__WORK REQUEST__. Scan the data for "Truss" and copy each matching line.

(Saved data entries)
□ □ □
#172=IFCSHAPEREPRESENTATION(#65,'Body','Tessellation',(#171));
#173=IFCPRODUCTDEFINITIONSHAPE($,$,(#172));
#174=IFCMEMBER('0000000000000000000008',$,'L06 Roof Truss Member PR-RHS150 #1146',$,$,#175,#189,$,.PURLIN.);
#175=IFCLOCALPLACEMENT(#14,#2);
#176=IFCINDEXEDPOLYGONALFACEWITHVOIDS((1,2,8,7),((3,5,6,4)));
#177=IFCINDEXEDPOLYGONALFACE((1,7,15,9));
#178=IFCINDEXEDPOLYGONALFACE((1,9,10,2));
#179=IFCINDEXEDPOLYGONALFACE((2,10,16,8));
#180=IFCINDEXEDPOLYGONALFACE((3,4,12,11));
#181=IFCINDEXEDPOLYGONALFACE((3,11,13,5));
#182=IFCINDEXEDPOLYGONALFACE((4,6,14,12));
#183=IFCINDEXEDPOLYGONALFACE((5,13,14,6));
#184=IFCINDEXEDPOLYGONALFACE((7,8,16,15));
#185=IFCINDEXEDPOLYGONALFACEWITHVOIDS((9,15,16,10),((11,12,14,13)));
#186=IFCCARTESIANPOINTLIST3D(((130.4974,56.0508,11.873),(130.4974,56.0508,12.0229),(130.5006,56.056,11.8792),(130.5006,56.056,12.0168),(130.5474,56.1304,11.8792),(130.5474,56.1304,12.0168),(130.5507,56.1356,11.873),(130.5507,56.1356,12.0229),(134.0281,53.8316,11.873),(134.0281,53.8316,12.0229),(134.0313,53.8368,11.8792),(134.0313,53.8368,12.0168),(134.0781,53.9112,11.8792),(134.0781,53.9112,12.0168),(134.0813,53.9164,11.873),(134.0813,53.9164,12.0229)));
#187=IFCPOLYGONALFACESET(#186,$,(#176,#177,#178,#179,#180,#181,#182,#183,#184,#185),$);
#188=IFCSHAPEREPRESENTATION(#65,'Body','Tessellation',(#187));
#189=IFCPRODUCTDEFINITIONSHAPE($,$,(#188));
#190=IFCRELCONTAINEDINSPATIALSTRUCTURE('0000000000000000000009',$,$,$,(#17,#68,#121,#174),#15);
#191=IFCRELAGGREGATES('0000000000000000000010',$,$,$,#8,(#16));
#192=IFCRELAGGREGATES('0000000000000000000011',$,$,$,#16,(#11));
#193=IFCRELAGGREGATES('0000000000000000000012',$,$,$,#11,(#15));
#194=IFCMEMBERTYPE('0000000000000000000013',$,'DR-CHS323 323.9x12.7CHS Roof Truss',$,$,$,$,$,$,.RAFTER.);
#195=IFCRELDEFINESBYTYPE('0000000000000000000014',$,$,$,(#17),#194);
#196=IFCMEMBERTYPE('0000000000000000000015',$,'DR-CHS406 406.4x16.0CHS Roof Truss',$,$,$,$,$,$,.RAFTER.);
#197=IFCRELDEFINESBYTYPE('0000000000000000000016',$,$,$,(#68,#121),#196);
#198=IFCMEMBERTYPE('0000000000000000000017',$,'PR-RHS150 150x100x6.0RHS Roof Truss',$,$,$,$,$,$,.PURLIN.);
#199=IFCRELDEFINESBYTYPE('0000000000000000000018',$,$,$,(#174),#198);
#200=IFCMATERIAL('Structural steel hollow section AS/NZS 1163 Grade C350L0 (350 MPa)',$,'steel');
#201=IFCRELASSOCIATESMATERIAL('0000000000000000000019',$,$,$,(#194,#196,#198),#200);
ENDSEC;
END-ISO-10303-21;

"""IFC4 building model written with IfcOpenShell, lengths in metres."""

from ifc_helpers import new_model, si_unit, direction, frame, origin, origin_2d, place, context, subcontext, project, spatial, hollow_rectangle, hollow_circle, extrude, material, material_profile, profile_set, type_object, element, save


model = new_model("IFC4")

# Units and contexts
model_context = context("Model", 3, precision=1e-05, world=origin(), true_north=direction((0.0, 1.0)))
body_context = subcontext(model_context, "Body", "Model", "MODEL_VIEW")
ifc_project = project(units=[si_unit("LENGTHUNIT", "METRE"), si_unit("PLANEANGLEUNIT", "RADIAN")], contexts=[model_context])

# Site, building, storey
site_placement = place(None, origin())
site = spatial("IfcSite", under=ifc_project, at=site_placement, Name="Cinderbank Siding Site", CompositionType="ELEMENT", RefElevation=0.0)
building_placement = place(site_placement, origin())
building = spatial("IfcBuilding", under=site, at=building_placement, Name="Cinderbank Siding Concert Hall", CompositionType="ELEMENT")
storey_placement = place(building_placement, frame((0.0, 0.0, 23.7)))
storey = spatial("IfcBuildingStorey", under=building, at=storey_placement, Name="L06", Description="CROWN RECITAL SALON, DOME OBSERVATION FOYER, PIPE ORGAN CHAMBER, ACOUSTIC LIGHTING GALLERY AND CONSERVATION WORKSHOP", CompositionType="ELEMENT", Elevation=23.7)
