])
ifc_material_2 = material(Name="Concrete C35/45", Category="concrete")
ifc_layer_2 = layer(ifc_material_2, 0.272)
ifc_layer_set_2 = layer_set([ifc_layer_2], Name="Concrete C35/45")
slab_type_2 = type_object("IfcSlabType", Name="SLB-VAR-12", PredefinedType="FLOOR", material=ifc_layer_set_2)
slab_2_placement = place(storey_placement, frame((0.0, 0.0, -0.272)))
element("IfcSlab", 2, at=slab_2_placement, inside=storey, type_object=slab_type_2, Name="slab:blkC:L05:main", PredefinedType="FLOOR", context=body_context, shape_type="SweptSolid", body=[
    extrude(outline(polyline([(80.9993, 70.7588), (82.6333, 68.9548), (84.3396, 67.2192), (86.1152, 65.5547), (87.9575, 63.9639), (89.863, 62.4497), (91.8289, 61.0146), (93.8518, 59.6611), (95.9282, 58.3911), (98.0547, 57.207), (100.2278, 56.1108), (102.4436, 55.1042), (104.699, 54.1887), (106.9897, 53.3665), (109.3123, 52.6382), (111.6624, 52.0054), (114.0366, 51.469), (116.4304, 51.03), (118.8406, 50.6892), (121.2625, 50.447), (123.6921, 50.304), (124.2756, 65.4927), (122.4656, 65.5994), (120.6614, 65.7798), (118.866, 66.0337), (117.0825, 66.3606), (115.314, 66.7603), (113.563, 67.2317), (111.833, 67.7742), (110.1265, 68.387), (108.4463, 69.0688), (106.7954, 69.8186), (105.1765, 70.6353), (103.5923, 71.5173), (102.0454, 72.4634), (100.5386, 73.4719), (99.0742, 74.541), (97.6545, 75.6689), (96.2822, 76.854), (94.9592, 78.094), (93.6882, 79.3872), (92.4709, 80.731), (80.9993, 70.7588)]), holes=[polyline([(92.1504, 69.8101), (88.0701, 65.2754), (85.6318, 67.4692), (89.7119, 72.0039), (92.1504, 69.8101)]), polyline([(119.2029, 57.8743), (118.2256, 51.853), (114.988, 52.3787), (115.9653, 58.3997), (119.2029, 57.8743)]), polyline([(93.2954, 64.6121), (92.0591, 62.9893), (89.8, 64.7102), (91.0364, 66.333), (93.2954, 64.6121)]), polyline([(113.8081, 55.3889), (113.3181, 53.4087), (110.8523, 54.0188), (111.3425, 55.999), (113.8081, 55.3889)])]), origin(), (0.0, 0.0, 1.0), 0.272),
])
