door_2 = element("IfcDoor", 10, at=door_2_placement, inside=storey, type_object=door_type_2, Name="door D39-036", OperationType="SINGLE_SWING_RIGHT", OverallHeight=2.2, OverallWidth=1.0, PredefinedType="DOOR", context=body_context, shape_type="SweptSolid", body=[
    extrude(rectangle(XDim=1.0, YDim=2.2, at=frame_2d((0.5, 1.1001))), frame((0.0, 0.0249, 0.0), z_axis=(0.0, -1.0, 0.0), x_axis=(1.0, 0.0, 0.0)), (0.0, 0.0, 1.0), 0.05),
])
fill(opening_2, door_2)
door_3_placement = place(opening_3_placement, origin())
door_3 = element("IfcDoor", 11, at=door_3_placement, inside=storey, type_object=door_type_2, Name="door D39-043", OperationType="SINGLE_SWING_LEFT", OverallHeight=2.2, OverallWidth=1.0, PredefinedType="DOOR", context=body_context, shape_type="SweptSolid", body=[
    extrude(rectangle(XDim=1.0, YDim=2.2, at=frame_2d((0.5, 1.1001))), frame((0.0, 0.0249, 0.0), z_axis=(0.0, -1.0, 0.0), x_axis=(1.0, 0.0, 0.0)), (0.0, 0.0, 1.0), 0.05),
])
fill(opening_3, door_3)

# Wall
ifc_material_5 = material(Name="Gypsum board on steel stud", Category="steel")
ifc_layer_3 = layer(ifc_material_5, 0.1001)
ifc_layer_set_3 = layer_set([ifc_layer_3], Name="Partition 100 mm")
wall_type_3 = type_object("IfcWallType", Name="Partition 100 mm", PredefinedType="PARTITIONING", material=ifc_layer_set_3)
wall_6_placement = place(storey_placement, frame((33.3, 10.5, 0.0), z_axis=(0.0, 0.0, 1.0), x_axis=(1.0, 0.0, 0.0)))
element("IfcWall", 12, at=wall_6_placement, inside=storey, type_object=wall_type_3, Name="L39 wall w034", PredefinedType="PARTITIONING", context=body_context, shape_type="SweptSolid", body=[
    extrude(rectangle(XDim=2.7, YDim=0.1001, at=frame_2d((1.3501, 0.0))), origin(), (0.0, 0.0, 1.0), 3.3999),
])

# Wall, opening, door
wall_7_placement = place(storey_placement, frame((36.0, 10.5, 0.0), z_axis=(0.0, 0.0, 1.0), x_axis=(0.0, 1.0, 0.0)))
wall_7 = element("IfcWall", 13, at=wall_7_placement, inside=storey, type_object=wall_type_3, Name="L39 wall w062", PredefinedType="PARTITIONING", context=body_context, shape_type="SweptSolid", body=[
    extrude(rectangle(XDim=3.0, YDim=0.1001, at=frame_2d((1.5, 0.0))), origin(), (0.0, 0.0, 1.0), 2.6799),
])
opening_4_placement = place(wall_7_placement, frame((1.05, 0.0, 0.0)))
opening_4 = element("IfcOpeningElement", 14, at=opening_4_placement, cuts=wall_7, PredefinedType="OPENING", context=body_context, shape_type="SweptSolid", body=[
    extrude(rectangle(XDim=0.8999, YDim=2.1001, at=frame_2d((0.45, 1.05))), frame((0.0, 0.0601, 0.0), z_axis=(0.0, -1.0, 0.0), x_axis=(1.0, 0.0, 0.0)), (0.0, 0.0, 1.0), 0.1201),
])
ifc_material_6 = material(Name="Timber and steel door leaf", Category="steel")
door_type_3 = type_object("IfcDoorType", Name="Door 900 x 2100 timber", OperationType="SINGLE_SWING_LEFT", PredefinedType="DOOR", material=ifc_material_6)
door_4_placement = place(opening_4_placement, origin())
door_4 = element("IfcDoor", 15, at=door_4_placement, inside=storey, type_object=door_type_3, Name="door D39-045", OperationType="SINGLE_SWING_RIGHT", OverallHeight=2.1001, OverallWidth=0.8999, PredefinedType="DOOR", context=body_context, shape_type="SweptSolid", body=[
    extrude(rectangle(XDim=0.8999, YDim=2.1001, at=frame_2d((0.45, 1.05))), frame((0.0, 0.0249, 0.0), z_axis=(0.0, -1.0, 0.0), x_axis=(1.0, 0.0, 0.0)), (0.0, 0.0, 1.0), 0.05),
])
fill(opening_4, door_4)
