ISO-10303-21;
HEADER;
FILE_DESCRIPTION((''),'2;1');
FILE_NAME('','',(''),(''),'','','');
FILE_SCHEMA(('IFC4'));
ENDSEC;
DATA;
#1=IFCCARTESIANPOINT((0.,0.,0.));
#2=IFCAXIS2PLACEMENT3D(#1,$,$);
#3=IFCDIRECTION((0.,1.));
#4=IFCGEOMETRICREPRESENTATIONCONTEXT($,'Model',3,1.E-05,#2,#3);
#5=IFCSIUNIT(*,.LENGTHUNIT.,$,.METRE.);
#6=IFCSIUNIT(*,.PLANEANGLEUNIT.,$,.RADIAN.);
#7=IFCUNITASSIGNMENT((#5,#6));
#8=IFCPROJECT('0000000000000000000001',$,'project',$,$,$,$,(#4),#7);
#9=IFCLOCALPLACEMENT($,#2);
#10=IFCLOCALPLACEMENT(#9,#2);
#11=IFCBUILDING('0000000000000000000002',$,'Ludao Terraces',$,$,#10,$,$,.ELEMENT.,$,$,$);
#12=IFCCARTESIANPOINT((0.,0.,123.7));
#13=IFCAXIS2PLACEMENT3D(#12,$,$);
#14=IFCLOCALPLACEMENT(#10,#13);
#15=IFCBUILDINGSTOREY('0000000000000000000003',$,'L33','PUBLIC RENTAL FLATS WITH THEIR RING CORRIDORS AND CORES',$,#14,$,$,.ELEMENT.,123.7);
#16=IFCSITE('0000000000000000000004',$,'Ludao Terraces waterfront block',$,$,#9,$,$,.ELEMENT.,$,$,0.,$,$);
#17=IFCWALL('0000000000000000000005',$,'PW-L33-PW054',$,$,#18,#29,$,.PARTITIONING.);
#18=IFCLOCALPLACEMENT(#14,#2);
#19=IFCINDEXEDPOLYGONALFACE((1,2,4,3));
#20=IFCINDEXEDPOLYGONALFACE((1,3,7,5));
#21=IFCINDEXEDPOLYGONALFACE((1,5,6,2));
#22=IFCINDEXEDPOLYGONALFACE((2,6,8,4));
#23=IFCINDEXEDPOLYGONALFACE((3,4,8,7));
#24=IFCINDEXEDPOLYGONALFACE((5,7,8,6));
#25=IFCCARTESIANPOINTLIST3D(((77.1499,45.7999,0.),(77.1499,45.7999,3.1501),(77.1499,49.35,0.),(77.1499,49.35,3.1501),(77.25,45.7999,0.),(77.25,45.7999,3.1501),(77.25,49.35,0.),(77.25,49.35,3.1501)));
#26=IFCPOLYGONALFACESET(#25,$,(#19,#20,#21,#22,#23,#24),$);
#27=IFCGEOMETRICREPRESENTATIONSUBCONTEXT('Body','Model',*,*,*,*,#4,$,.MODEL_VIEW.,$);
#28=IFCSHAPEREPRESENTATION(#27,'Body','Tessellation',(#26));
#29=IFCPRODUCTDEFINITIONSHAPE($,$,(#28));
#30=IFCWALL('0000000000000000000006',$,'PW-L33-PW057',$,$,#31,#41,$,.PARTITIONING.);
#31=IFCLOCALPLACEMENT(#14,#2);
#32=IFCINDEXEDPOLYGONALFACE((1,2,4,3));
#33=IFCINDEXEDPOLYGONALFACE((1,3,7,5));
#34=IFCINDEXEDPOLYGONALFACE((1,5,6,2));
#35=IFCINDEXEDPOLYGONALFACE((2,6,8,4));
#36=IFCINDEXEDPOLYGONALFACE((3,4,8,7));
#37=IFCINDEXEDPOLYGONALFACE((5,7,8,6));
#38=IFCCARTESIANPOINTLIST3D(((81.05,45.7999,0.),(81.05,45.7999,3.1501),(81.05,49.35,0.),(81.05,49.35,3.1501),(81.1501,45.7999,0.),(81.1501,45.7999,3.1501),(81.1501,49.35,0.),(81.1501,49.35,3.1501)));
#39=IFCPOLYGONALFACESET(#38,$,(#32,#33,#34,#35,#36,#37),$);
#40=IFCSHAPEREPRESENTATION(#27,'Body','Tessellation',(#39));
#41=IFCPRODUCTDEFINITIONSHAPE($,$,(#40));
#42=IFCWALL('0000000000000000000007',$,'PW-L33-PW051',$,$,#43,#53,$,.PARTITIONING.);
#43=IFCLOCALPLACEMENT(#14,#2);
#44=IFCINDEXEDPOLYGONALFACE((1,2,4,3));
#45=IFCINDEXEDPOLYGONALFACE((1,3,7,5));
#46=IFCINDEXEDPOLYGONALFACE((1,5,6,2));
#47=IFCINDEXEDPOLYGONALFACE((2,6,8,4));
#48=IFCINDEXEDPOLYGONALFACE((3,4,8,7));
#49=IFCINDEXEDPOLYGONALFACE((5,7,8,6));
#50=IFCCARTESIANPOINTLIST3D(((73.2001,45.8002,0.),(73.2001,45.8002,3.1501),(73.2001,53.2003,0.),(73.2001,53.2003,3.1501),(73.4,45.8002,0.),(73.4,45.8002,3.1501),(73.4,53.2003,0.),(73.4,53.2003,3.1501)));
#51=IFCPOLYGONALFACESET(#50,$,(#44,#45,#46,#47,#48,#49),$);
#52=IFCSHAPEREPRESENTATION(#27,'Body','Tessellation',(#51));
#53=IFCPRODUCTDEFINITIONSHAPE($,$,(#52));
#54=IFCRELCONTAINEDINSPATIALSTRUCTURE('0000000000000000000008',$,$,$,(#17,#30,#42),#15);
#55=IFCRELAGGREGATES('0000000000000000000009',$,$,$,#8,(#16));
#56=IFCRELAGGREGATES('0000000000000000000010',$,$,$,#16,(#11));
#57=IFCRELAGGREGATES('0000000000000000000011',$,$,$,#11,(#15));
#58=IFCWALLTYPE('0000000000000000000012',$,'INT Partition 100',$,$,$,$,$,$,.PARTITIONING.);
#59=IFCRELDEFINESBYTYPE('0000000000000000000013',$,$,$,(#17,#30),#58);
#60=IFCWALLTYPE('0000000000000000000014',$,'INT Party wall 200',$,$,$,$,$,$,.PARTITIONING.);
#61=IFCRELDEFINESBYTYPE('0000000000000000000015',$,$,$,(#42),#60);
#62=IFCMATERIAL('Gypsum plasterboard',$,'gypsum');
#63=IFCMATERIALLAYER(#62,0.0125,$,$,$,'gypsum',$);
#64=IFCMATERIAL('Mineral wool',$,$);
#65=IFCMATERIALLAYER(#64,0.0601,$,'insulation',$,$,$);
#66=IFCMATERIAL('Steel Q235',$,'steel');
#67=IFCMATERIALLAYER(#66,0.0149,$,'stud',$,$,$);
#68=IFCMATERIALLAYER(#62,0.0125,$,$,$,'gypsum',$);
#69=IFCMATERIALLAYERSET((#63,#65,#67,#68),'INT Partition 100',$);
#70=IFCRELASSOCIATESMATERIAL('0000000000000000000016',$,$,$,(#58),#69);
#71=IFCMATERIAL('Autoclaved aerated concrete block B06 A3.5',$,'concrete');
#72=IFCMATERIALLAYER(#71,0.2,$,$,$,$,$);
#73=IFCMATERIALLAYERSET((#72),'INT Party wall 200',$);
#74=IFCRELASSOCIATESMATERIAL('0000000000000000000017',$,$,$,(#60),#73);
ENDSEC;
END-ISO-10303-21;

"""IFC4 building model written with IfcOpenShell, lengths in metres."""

from ifc_helpers import new_model, si_unit, direction, frame, frame_2d, origin, place, context, subcontext, project, spatial, rectangle, extrude, material, layer, layer_set, type_object, element, save


model = new_model("IFC4")

# Units and contexts
model_context = context("Model", 3, precision=1e-05, world=origin(), true_north=direction((0.0, 1.0)))
body_context = subcontext(model_context, "Body", "Model", "MODEL_VIEW")
ifc_project = project(units=[si_unit("LENGTHUNIT", "METRE"), si_unit("PLANEANGLEUNIT", "RADIAN")], contexts=[model_context])

# Site, building, storey
site_placement = place(None, origin())
site = spatial("IfcSite", under=ifc_project, at=site_placement, Name="Ludao Terraces waterfront block", CompositionType="ELEMENT", RefElevation=0.0)
building_placement = place(site_placement, origin())
building = spatial("IfcBuilding", under=site, at=building_placement, Name="Ludao Terraces", CompositionType="ELEMENT")
storey_placement = place(building_placement, frame((0.0, 0.0, 123.7)))
storey = spatial("IfcBuildingStorey", under=building, at=storey_placement, Name="L33", Description="PUBLIC RENTAL FLATS WITH THEIR RING CORRIDORS AND CORES", CompositionType="ELEMENT", Elevation=123.7)

# Shared definitions
ifc_material_1 = material(Name="Mineral wool")

# Walls
ifc_material_2 = material(Name="Gypsum plasterboard", Category="gypsum")
ifc_layer_1 = layer(ifc_material_2, 0.0125, Category="gypsum")
ifc_layer_2 = layer(ifc_material_1, 0.0601, Name="insulation")
ifc_material_3 = material(Name="Steel Q235", Category="steel")
ifc_layer_3 = layer(ifc_material_3, 0.0149, Name="stud")
ifc_layer_4 = layer(ifc_material_2, 0.0125, Category="gypsum")
ifc_layer_set_1 = layer_set([ifc_layer_1, ifc_layer_2, ifc_layer_3, ifc_layer_4], Name="INT Partition 100")
wall_type_1 = type_object("IfcWallType", Name="INT Partition 100", PredefinedType="PARTITIONING", material=ifc_layer_set_1)
for number, where, z_axis, x_axis, name in (
    (1, (77.2, 45.8, 0.0), (0.0, 0.0, 1.0), (0.0, 1.0, 0.0), "PW-L33-PW054"),
    (2, (81.1001, 45.8, 0.0), (0.0, 0.0, 1.0), (0.0, 1.0, 0.0), "PW-L33-PW057"),
):
    element("IfcWall", number, at=place(storey_placement, frame(where, z_axis=z_axis, x_axis=x_axis)), inside=storey, type_object=wall_type_1, Name=name, PredefinedType="PARTITIONING", context=body_context, shape_type="SweptSolid", body=[
        extrude(rectangle(XDim=3.55, YDim=0.1001, at=frame_2d((1.7749, 0.0))), origin(), (0.0, 0.0, 1.0), 3.1501),
    ])
ifc_material_4 = material(Name="Autoclaved aerated concrete block B06 A3.5", Category="concrete")
ifc_layer_5 = layer(ifc_material_4, 0.2)
ifc_layer_set_2 = layer_set([ifc_layer_5], Name="INT Party wall 200")
wall_type_2 = type_object("IfcWallType", Name="INT Party wall 200", PredefinedType="PARTITIONING", material=ifc_layer_set_2)
wall_1_placement = place(storey_placement, frame((73.3, 45.8, 0.0), z_axis=(0.0, 0.0, 1.0), x_axis=(0.0, 1.0, 0.0)))
element("IfcWall", 3, at=wall_1_placement, inside=storey, type_object=wall_type_2, Name="PW-L33-PW051", PredefinedType="PARTITIONING", context=body_context, shape_type="SweptSolid", body=[
    extrude(rectangle(XDim=7.4001, YDim=0.2, at=frame_2d((3.7002, 0.0))), origin(), (0.0, 0.0, 1.0), 3.1501),
])

save(model, "model.ifc")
□ □ □
__ANSWER AREA__.
#174=IFCMEMBER('0000000000000000000008',$,'L06 Roof Truss Member PR-RHS150 #1146',$,$,#175,#189,$,.PURLIN.);
#194=IFCMEMBERTYPE('0000000000000000000013',$,'DR-CHS323 323.9x12.7CHS Roof Truss',$,$,$,$,$,$,.RAFTER.);
#196=IFCMEMBERTYPE('0000000000000000000015',$,'DR-CHS406 406.4x16.0CHS Roof Truss',$,$,$,$,$,$,.RAFTER.);
#198=IFCMEMBERTYPE('0000000000000000000017',$,'PR-RHS150 150x100x6.0RHS Roof Truss',$,$,$,$,$,$,.PURLIN.);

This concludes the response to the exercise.